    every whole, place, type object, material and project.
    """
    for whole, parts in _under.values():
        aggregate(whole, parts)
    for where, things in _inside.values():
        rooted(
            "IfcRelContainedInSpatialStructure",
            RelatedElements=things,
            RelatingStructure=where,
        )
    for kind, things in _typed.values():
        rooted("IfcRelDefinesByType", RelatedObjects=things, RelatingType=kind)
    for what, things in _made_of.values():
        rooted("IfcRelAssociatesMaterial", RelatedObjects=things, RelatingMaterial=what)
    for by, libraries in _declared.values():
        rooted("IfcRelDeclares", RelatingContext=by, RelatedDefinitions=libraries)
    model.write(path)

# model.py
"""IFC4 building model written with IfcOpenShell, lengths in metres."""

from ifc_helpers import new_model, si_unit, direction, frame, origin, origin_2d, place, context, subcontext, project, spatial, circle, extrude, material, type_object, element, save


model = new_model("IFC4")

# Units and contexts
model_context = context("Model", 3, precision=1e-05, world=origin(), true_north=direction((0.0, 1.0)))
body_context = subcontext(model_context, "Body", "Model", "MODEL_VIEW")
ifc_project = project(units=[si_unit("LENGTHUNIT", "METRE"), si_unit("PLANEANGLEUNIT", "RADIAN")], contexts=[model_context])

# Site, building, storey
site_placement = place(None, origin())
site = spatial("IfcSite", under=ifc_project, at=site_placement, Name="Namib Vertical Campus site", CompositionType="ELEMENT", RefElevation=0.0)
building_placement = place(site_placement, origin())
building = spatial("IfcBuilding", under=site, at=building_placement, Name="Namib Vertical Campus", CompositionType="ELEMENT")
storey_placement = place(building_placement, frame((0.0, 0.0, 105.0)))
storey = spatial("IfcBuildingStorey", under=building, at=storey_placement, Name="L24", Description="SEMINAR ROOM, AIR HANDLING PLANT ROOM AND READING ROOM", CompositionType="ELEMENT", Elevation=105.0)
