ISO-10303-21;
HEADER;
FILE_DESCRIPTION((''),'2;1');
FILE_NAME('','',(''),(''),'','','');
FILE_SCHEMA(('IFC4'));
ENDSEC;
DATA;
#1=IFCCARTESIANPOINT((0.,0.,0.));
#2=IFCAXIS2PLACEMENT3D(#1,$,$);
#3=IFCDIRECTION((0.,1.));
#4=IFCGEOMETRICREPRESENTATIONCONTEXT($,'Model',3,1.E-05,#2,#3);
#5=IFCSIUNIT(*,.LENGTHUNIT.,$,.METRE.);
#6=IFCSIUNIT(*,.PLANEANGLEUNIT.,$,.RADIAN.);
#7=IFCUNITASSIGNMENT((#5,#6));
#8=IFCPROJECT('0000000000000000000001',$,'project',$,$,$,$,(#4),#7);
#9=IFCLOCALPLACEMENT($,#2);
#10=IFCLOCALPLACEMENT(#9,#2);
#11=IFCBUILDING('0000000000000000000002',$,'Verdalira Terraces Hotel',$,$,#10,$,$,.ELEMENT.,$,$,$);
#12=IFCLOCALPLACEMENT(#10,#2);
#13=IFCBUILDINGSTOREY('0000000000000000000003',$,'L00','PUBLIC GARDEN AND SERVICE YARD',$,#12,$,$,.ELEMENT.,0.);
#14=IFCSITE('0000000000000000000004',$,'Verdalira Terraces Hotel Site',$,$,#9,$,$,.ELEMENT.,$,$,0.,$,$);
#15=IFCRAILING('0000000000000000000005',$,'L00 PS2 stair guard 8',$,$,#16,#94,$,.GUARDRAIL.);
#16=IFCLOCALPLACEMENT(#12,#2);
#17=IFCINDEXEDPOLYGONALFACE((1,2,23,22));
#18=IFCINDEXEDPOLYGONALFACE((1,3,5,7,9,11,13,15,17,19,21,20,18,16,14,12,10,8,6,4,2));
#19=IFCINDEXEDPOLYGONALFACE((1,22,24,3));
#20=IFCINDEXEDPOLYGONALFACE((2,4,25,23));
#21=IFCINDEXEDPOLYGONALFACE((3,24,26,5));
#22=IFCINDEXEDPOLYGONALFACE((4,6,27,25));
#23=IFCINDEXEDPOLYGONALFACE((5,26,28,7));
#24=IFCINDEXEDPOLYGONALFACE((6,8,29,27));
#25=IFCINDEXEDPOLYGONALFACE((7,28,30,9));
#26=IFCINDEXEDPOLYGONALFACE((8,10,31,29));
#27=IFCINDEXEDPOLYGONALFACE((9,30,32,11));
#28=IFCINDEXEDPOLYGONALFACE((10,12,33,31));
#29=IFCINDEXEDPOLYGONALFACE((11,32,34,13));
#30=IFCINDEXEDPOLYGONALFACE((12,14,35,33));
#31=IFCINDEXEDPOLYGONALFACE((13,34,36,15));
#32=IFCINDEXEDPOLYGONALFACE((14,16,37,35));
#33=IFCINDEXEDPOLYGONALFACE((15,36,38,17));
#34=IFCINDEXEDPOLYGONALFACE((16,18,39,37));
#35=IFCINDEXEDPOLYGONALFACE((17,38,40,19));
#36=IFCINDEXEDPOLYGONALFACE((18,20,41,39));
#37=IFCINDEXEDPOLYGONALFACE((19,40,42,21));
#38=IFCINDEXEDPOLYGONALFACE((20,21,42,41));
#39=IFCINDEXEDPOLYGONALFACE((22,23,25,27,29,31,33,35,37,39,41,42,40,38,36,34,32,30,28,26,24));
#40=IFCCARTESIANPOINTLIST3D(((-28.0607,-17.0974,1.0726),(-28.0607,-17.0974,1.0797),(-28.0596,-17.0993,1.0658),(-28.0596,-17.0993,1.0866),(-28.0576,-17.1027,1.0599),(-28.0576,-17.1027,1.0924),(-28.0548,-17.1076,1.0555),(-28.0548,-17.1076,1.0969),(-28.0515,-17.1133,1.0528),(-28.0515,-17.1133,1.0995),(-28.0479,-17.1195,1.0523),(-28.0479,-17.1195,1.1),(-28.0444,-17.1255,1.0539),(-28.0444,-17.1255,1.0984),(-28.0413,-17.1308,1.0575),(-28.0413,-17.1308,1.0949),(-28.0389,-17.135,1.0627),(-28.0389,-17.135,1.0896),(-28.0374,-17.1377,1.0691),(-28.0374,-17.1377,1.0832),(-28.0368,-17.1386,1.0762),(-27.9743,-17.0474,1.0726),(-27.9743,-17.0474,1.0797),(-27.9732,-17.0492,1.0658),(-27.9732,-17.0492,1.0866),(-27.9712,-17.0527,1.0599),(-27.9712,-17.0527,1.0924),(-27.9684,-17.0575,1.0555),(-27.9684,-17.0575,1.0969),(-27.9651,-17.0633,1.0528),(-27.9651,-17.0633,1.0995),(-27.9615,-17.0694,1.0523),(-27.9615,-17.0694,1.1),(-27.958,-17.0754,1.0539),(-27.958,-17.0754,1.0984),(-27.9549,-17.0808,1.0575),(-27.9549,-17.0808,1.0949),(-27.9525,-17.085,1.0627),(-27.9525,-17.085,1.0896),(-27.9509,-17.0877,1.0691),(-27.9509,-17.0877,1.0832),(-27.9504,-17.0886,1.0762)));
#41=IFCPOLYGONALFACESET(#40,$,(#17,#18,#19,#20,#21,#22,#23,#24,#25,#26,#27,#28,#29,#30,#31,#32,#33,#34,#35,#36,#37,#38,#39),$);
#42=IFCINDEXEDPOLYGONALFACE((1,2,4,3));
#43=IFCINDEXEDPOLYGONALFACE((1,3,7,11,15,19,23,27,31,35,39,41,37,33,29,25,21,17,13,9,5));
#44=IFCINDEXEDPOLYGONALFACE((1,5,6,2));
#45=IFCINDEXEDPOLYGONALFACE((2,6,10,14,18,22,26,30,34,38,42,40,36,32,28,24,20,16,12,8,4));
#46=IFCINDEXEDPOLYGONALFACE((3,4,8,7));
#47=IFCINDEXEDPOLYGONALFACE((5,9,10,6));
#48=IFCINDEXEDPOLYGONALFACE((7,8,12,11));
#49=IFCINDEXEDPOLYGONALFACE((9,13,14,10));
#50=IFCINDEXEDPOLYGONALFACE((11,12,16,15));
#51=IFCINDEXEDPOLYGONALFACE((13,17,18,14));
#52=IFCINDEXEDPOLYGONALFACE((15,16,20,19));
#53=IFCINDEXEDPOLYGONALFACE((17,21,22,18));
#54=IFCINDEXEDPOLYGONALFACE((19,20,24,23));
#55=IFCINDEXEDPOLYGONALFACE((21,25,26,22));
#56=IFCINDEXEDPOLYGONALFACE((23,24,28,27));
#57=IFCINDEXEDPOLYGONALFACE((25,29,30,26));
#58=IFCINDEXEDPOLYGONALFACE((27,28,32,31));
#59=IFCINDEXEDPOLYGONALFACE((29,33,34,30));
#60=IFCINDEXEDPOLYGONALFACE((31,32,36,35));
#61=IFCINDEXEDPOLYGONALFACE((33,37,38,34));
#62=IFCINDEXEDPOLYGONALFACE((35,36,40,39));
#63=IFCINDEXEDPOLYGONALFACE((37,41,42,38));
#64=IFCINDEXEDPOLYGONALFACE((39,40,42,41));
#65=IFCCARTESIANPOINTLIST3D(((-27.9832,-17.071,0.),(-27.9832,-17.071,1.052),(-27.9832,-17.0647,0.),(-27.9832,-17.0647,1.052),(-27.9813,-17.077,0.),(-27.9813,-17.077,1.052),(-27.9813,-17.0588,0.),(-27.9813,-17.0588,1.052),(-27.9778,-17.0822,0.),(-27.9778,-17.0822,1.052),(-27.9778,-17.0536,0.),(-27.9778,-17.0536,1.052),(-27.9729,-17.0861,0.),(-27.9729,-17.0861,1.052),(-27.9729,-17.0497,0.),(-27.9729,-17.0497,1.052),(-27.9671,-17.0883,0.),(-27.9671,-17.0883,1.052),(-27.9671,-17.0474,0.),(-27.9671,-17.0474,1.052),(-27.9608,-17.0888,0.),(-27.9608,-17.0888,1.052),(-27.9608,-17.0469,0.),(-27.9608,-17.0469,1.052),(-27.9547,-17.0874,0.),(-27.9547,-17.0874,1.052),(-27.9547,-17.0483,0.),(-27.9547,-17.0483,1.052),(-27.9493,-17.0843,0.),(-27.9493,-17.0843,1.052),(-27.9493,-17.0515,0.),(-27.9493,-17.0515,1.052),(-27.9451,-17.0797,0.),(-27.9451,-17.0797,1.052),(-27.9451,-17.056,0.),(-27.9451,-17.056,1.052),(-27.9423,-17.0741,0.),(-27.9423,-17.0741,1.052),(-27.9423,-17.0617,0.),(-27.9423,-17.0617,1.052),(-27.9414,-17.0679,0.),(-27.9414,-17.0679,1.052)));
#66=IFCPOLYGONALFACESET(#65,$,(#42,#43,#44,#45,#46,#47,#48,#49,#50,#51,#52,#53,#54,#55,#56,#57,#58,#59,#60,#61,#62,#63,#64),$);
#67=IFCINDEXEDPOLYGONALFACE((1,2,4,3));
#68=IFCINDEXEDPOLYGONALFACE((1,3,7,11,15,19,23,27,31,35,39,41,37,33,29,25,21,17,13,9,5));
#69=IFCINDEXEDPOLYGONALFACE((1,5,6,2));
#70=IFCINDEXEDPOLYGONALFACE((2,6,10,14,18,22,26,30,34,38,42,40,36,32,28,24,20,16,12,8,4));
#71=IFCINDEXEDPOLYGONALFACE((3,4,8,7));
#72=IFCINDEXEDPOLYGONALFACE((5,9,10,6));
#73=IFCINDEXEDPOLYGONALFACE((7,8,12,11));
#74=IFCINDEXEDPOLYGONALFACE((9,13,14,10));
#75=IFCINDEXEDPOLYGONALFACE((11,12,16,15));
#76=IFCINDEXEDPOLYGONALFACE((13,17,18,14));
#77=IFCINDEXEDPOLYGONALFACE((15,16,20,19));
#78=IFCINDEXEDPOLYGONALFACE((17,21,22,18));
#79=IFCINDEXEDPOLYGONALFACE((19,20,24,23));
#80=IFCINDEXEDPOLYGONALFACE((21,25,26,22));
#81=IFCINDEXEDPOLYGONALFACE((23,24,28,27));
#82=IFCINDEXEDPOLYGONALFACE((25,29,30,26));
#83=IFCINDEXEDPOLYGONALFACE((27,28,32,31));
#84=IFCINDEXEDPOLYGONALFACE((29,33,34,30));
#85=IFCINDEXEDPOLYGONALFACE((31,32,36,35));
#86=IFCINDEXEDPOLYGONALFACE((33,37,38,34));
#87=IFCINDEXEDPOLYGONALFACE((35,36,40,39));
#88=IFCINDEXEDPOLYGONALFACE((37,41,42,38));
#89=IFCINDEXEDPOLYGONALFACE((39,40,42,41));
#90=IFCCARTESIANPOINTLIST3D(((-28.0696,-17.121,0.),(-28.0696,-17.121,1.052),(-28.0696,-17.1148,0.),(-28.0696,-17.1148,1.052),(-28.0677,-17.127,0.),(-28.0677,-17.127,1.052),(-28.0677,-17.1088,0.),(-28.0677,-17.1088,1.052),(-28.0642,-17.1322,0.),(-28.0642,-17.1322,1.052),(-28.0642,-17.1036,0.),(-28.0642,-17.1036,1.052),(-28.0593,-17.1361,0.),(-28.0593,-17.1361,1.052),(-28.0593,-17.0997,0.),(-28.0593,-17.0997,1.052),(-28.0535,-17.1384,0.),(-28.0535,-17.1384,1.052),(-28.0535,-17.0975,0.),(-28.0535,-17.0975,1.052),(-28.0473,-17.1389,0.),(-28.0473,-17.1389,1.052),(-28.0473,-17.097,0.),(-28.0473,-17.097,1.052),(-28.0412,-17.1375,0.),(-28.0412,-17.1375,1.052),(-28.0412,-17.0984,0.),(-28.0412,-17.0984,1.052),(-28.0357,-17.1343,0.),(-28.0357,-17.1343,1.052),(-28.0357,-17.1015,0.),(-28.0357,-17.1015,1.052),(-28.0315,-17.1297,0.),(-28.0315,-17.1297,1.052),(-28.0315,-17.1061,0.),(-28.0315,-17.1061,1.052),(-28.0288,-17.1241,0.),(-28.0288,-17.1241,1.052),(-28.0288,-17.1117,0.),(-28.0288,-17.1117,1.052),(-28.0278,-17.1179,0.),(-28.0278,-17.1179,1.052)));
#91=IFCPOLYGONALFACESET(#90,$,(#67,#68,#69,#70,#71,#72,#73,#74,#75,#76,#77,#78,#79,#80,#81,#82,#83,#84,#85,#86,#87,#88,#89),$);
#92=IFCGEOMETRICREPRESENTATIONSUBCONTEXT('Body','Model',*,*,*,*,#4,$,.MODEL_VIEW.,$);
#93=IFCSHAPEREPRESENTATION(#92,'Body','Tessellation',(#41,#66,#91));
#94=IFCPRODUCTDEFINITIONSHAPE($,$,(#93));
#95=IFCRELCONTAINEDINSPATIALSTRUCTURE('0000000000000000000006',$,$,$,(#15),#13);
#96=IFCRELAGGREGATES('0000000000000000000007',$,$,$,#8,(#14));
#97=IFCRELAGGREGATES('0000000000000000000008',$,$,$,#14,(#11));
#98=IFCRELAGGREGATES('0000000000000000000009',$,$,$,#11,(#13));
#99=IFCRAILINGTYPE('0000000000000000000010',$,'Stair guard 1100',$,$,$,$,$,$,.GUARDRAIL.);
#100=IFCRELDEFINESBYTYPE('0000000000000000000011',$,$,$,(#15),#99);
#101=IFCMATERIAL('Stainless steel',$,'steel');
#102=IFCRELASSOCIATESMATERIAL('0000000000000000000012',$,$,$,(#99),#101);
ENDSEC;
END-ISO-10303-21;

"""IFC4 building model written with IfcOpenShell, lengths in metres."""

from ifc_helpers import new_model, si_unit, direction, frame, origin, origin_2d, place, context, subcontext, project, spatial, circle, extrude, material, type_object, element, save


model = new_model("IFC4")

# Units and contexts
model_context = context("Model", 3, precision=1e-05, world=origin(), true_north=direction((0.0, 1.0)))
body_context = subcontext(model_context, "Body", "Model", "MODEL_VIEW")
ifc_project = project(units=[si_unit("LENGTHUNIT", "METRE"), si_unit("PLANEANGLEUNIT", "RADIAN")], contexts=[model_context])

# Site, building, storey
site_placement = place(None, origin())
site = spatial("IfcSite", under=ifc_project, at=site_placement, Name="Verdalira Terraces Hotel Site", CompositionType="ELEMENT", RefElevation=0.0)
building_placement = place(site_placement, origin())
building = spatial("IfcBuilding", under=site, at=building_placement, Name="Verdalira Terraces Hotel", CompositionType="ELEMENT")
storey_placement = place(building_placement, origin())
storey = spatial("IfcBuildingStorey", under=building, at=storey_placement, Name="L00", Description="PUBLIC GARDEN AND SERVICE YARD", CompositionType="ELEMENT", Elevation=0.0)

# Railing
ifc_material_1 = material(Name="Stainless steel", Category="steel")
railing_type = type_object("IfcRailingType", Name="Stair guard 1100", PredefinedType="GUARDRAIL", material=ifc_material_1)
railing_1_placement = place(storey_placement, frame((-27.9624, -17.0679, 0.0)))
element("IfcRailing", 1, at=railing_1_placement, inside=storey, type_object=railing_type, Name="L00 PS2 stair guard 8", PredefinedType="GUARDRAIL", context=body_context, shape_type="SweptSolid", body=[
    extrude(circle(Radius=0.0239, at=origin_2d()), frame((0.0, 0.0, 1.0762), z_axis=(-0.86537, -0.501133, 0.0), x_axis=(0.501133, -0.86537, 0.0)), (0.0, 0.0, 1.0), 0.0999),
    extrude(circle(Radius=0.021, at=origin_2d()), origin(), (0.0, 0.0, 1.0), 1.052),
    extrude(circle(Radius=0.021, at=origin_2d()), frame((-0.0864, -0.05, 0.0)), (0.0, 0.0, 1.0), 1.052),
])

save(model, "model.ifc")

**DIRECTIONS**
Give back, exactly as written, the stretch from the line with "#101=IFCMATERIAL('Stainless steel',$,'steel');" through the line with "END-ISO-10303-21;", and no other lines from the records above.

**EXERCISE RESULT**
#101=IFCMATERIAL('Stainless steel',$,'steel');
#102=IFCRELASSOCIATESMATERIAL('0000000000000000000012',$,$,$,(#99),#101);
ENDSEC;
END-ISO-10303-21;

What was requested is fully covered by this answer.